• WORK REQUEST
From the entries below, output the line with "#40=IFCSHAPEREPRESENTATION(#27,'Body','Tessellation',(#39));" and each following line up to and including the line with "#45=IFCRELAGGREGATES('0000000000000000000010',$,$,$,#11,(#15));", exactly as written.

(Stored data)

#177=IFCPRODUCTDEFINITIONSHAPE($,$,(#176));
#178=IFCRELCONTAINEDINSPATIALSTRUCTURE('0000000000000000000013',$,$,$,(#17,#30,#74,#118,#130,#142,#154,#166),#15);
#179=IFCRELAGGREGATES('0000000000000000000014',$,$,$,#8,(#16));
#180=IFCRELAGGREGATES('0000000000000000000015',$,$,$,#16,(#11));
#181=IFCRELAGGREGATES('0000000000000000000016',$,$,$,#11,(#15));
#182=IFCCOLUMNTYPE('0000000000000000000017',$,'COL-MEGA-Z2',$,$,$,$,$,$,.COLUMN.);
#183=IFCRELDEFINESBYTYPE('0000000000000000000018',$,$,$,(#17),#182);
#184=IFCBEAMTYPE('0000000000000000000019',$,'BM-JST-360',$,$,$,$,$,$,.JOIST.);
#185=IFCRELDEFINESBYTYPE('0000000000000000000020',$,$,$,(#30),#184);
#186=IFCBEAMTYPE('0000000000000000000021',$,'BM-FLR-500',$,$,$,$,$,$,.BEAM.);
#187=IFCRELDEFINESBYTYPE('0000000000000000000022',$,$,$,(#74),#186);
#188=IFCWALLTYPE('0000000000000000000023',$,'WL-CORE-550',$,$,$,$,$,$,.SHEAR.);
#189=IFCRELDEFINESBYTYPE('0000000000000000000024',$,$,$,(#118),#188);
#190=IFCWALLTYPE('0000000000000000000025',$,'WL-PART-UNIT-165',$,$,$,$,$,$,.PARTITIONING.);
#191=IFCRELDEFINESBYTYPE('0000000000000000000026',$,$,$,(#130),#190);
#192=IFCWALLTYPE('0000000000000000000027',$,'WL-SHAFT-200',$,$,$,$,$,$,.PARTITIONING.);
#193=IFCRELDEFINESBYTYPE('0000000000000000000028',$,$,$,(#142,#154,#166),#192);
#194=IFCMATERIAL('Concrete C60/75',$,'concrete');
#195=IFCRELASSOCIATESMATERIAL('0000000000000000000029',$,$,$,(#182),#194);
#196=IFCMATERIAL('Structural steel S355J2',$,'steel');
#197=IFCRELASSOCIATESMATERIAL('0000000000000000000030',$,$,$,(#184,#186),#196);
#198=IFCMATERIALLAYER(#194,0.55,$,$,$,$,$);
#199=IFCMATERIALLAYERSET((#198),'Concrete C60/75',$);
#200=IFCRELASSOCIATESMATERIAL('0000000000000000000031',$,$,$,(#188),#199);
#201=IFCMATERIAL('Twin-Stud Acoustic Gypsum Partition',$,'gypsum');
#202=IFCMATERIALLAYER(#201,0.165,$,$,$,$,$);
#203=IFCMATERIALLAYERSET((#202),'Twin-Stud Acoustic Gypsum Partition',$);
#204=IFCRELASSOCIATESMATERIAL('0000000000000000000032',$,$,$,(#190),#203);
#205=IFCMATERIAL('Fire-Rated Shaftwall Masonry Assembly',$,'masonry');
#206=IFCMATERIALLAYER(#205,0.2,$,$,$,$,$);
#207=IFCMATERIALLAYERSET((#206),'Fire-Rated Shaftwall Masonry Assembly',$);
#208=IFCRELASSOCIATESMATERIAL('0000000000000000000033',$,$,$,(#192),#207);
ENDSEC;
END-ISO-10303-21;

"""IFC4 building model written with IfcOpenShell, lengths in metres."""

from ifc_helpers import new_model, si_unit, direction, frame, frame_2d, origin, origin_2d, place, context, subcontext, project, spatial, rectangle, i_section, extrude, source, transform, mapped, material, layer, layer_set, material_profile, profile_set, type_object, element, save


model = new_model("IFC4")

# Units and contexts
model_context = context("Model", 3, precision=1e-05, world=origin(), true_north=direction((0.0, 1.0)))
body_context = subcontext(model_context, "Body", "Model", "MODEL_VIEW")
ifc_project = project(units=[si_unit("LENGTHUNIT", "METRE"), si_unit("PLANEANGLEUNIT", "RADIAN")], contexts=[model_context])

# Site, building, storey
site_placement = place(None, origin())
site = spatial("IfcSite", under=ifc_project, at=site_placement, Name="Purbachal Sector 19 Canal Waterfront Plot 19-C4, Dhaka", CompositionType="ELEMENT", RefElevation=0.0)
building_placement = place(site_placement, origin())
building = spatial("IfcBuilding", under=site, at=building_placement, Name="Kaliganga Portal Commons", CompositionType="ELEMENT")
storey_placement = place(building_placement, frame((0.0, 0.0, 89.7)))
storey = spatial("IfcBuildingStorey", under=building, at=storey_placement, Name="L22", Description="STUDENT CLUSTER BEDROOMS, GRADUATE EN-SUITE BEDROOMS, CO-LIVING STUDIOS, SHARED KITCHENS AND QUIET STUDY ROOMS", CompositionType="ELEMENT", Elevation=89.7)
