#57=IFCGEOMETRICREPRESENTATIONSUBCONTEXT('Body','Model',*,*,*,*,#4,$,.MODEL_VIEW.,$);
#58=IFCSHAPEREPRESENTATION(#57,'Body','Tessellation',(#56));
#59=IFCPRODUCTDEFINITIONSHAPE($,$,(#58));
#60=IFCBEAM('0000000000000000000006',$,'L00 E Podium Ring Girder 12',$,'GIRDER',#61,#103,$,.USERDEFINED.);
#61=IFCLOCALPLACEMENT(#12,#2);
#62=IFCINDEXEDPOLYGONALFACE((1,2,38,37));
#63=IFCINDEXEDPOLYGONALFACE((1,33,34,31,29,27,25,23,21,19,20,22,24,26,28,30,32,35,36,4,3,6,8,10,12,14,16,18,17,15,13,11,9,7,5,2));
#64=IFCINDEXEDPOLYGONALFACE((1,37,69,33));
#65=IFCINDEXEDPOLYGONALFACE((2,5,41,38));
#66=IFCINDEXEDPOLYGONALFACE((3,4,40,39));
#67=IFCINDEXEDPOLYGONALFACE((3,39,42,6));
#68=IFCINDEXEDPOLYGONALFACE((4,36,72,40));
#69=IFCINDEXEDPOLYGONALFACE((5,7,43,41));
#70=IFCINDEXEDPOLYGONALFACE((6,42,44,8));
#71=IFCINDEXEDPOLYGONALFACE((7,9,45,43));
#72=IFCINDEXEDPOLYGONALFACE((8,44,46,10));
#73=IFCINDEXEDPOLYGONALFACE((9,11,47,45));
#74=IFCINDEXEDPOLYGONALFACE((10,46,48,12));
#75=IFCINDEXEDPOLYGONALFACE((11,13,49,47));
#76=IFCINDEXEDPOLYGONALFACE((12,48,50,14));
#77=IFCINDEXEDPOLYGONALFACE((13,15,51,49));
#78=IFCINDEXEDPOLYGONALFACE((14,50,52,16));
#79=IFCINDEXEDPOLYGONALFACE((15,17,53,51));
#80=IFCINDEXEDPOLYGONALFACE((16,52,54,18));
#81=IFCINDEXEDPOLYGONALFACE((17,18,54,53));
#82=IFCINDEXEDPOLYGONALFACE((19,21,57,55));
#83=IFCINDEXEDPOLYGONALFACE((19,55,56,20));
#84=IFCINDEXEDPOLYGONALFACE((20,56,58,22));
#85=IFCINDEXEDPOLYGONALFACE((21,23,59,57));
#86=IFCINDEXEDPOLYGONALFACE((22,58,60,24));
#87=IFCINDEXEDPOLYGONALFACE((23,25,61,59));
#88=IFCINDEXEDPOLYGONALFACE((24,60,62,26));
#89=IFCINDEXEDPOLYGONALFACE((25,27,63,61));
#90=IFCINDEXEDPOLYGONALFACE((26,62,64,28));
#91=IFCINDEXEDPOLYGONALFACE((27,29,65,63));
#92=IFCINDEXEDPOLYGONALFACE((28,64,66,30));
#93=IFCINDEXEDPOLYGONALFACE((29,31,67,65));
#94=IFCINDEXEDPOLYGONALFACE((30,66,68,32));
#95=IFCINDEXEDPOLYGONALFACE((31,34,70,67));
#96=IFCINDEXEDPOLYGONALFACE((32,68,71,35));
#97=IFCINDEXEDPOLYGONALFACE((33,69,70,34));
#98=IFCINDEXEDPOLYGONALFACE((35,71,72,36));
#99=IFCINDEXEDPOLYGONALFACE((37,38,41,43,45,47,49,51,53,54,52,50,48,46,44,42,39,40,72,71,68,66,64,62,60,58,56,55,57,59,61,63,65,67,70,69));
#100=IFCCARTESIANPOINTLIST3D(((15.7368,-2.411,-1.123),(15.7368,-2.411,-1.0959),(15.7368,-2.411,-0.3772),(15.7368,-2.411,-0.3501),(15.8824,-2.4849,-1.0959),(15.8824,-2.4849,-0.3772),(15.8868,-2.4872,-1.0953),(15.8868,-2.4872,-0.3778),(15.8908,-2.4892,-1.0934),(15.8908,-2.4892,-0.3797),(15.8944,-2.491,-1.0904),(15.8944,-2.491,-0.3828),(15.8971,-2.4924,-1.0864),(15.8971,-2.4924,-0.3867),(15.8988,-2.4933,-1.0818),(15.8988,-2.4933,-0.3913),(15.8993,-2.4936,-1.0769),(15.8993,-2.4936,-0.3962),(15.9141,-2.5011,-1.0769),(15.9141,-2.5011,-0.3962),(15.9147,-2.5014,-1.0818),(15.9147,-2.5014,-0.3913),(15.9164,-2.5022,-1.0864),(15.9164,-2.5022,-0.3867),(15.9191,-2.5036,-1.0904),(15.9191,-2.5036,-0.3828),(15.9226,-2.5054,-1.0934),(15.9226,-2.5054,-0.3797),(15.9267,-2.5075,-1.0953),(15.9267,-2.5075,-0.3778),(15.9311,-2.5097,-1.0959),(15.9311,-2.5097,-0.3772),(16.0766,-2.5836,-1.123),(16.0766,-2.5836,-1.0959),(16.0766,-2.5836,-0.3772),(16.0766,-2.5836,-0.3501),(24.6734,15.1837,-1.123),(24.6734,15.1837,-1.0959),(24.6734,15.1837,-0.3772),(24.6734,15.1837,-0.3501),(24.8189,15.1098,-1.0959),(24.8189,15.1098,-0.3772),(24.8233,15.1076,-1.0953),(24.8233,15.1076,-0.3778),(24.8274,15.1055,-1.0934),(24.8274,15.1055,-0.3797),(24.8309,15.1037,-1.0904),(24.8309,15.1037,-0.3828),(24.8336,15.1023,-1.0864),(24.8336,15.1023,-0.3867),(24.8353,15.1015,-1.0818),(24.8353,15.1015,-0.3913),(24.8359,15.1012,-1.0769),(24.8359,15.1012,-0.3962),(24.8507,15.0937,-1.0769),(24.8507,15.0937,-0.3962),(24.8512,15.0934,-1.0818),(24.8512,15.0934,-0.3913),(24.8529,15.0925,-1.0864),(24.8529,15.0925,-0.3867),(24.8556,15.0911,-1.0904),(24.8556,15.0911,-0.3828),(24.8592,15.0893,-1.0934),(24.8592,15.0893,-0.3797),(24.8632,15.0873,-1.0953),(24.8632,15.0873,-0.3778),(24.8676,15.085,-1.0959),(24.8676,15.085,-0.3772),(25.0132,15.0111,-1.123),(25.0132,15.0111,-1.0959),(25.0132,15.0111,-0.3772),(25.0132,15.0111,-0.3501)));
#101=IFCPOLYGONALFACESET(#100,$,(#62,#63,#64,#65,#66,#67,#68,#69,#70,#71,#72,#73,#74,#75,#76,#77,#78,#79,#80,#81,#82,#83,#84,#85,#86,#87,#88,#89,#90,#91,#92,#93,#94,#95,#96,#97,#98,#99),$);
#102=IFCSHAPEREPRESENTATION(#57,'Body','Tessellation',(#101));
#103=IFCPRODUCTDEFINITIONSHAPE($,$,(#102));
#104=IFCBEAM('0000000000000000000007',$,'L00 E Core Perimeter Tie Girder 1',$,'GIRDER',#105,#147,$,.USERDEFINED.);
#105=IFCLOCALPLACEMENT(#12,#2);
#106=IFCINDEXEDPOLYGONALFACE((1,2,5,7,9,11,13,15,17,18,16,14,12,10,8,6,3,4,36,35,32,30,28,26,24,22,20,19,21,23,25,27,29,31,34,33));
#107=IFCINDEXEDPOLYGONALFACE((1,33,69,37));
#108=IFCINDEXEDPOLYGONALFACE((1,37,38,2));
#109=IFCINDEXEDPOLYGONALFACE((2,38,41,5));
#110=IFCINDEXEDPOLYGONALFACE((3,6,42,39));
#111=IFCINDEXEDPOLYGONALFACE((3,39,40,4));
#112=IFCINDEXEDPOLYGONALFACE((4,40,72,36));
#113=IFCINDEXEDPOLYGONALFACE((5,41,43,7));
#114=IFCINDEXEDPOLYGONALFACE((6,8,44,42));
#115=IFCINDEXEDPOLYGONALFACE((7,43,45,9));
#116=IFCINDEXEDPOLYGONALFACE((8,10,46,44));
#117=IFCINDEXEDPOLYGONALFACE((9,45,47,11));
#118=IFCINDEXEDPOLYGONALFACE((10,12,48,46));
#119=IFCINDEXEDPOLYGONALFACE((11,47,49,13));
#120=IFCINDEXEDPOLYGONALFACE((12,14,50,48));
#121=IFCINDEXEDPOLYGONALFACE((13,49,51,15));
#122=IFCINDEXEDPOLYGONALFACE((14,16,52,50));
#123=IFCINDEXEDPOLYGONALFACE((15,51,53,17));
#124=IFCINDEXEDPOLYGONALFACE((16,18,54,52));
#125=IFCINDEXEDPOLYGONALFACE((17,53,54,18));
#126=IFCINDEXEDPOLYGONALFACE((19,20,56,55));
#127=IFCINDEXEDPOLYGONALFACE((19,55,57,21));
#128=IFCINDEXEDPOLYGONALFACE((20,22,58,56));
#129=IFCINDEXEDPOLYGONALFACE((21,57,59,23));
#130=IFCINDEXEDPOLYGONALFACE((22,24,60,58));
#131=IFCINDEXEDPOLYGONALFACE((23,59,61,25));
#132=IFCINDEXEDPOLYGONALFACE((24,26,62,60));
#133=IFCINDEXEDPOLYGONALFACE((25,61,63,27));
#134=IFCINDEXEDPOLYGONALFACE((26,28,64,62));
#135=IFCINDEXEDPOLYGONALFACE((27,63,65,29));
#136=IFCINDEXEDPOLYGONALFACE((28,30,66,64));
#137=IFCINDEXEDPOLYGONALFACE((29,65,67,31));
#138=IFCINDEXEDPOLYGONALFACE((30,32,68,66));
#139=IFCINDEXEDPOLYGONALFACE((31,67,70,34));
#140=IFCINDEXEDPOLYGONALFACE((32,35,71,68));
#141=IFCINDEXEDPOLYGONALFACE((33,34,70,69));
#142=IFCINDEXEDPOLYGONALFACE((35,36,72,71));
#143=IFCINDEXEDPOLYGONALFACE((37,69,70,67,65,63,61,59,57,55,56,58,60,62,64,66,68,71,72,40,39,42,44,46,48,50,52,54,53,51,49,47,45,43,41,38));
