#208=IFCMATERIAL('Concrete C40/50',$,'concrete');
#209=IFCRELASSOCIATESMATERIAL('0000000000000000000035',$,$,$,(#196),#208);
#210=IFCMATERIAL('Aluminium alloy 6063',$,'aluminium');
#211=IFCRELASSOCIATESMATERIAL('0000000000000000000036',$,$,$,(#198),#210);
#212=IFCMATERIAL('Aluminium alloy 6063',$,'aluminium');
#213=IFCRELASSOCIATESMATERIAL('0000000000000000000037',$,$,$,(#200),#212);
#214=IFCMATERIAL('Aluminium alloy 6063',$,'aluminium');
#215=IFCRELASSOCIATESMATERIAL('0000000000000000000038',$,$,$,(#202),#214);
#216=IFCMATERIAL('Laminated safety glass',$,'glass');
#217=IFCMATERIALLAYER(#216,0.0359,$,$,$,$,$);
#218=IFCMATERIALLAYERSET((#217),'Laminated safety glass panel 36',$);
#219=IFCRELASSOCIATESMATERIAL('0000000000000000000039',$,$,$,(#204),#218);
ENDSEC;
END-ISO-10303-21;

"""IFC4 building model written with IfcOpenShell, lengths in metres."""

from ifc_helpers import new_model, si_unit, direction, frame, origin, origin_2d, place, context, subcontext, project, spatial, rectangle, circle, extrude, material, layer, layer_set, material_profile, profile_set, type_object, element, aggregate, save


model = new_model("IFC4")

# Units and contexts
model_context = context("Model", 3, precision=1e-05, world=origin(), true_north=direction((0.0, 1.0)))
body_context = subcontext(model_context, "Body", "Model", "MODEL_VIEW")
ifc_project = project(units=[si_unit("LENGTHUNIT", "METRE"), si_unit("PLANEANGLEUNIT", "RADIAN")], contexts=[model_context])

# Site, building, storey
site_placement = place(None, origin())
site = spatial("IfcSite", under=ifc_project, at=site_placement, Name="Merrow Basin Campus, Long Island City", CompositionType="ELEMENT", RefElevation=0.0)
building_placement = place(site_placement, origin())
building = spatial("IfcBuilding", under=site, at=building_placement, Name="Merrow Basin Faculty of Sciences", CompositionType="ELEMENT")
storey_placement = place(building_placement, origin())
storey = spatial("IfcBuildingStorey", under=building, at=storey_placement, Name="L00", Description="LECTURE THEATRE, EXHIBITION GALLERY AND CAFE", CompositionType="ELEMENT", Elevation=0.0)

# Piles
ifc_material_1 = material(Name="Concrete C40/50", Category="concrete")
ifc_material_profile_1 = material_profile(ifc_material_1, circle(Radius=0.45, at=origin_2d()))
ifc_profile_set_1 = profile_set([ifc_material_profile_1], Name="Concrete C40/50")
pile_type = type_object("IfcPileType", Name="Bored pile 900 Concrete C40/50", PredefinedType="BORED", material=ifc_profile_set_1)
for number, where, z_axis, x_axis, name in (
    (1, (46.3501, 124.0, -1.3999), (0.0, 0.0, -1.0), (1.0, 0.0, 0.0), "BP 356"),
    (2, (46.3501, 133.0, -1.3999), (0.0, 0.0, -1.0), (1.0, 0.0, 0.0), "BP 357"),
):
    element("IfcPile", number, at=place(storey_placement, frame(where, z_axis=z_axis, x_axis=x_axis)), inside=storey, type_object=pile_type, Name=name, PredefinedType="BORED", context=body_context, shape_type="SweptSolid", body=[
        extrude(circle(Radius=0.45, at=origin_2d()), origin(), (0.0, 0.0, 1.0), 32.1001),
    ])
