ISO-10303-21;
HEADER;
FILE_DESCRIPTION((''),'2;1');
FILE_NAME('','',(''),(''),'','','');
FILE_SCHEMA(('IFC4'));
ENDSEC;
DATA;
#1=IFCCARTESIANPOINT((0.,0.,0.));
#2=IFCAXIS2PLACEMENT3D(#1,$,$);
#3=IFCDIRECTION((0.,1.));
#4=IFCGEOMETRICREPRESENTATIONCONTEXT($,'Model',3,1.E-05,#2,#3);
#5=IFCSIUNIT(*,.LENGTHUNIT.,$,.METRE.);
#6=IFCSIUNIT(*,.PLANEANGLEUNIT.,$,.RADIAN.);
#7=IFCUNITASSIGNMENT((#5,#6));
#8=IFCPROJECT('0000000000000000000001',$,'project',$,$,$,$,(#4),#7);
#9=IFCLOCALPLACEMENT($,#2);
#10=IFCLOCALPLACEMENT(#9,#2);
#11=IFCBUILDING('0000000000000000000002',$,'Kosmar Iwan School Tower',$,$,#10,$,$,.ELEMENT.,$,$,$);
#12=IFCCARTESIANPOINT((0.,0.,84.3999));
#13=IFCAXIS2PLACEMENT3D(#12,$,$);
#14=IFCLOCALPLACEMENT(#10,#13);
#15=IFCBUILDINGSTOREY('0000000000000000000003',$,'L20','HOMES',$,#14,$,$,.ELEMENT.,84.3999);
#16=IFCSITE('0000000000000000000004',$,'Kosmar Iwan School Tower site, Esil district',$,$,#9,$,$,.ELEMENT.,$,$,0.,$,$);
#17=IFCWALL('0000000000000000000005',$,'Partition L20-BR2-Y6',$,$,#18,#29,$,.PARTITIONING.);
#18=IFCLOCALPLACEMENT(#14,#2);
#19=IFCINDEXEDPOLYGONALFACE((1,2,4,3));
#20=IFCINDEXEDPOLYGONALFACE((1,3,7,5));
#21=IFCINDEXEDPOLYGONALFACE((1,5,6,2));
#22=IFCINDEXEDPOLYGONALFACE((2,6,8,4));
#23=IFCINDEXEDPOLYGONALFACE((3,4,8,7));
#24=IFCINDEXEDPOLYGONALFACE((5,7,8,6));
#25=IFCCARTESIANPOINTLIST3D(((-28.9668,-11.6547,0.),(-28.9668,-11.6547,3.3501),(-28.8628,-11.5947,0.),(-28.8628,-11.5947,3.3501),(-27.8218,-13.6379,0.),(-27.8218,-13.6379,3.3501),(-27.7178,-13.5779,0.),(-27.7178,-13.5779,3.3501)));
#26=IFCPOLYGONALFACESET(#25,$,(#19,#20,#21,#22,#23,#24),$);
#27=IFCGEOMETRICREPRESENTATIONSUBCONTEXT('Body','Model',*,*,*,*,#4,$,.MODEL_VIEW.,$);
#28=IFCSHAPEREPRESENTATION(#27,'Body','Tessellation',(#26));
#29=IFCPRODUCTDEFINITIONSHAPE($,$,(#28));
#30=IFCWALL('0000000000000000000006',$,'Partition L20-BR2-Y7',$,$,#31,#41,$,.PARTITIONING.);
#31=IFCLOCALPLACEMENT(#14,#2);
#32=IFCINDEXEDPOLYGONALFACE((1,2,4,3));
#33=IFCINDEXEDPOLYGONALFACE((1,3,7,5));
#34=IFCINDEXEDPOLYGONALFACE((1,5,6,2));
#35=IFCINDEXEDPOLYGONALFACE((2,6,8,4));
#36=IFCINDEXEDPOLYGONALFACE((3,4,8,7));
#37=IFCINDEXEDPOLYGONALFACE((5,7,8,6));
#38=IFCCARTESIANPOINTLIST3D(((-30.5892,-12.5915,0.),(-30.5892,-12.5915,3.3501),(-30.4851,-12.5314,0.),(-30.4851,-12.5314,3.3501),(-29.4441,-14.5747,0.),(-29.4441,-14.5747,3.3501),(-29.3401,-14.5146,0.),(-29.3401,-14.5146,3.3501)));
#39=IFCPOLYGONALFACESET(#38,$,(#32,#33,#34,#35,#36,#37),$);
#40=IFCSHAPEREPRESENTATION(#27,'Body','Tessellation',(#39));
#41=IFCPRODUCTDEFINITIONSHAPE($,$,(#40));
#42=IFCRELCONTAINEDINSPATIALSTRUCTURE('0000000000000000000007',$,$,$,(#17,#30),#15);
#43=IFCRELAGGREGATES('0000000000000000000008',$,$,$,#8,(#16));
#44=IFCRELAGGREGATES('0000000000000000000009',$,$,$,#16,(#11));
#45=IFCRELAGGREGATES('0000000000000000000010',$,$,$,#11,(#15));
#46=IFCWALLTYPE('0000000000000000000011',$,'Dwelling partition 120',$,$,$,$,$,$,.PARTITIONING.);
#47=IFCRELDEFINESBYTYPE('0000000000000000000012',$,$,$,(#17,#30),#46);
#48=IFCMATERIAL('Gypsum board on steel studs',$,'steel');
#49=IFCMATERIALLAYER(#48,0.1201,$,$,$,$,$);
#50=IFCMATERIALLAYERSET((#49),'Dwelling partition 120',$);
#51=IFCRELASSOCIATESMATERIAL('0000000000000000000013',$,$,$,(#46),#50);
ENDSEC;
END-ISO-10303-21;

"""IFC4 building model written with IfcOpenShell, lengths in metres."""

from ifc_helpers import new_model, si_unit, direction, frame, frame_2d, origin, place, context, subcontext, project, spatial, rectangle, extrude, material, layer, layer_set, type_object, element, save


model = new_model("IFC4")

# Units and contexts
model_context = context("Model", 3, precision=1e-05, world=origin(), true_north=direction((0.0, 1.0)))
body_context = subcontext(model_context, "Body", "Model", "MODEL_VIEW")
ifc_project = project(units=[si_unit("LENGTHUNIT", "METRE"), si_unit("PLANEANGLEUNIT", "RADIAN")], contexts=[model_context])

# Site, building, storey
site_placement = place(None, origin())
site = spatial("IfcSite", under=ifc_project, at=site_placement, Name="Kosmar Iwan School Tower site, Esil district", CompositionType="ELEMENT", RefElevation=0.0)
building_placement = place(site_placement, origin())
building = spatial("IfcBuilding", under=site, at=building_placement, Name="Kosmar Iwan School Tower", CompositionType="ELEMENT")
storey_placement = place(building_placement, frame((0.0, 0.0, 84.3999)))
storey = spatial("IfcBuildingStorey", under=building, at=storey_placement, Name="L20", Description="HOMES", CompositionType="ELEMENT", Elevation=84.3999)

# Walls
ifc_material_1 = material(Name="Gypsum board on steel studs", Category="steel")
ifc_layer_1 = layer(ifc_material_1, 0.1201)
ifc_layer_set_1 = layer_set([ifc_layer_1], Name="Dwelling partition 120")
wall_type_1 = type_object("IfcWallType", Name="Dwelling partition 120", PredefinedType="PARTITIONING", material=ifc_layer_set_1)
for number, where, z_axis, x_axis, name in (
    (1, (-27.7698, -13.6079, 0.0), (0.0, 0.0, 1.0), (-0.500015, 0.866017, 0.0), "Partition L20-BR2-Y6"),
    (2, (-29.3921, -14.5447, 0.0), (0.0, 0.0, 1.0), (-0.500015, 0.866017, 0.0), "Partition L20-BR2-Y7"),
):
    element("IfcWall", number, at=place(storey_placement, frame(where, z_axis=z_axis, x_axis=x_axis)), inside=storey, type_object=wall_type_1, Name=name, PredefinedType="PARTITIONING", context=body_context, shape_type="SweptSolid", body=[
        extrude(rectangle(XDim=2.29, YDim=0.1201, at=frame_2d((1.145, 0.0))), origin(), (0.0, 0.0, 1.0), 3.3501),
    ])

save(model, "model.ifc")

• EXERCISE RESPONSE
#40=IFCSHAPEREPRESENTATION(#27,'Body','Tessellation',(#39));
#41=IFCPRODUCTDEFINITIONSHAPE($,$,(#40));
#42=IFCRELCONTAINEDINSPATIALSTRUCTURE('0000000000000000000007',$,$,$,(#17,#30),#15);
#43=IFCRELAGGREGATES('0000000000000000000008',$,$,$,#8,(#16));
#44=IFCRELAGGREGATES('0000000000000000000009',$,$,$,#16,(#11));
#45=IFCRELAGGREGATES('0000000000000000000010',$,$,$,#11,(#15));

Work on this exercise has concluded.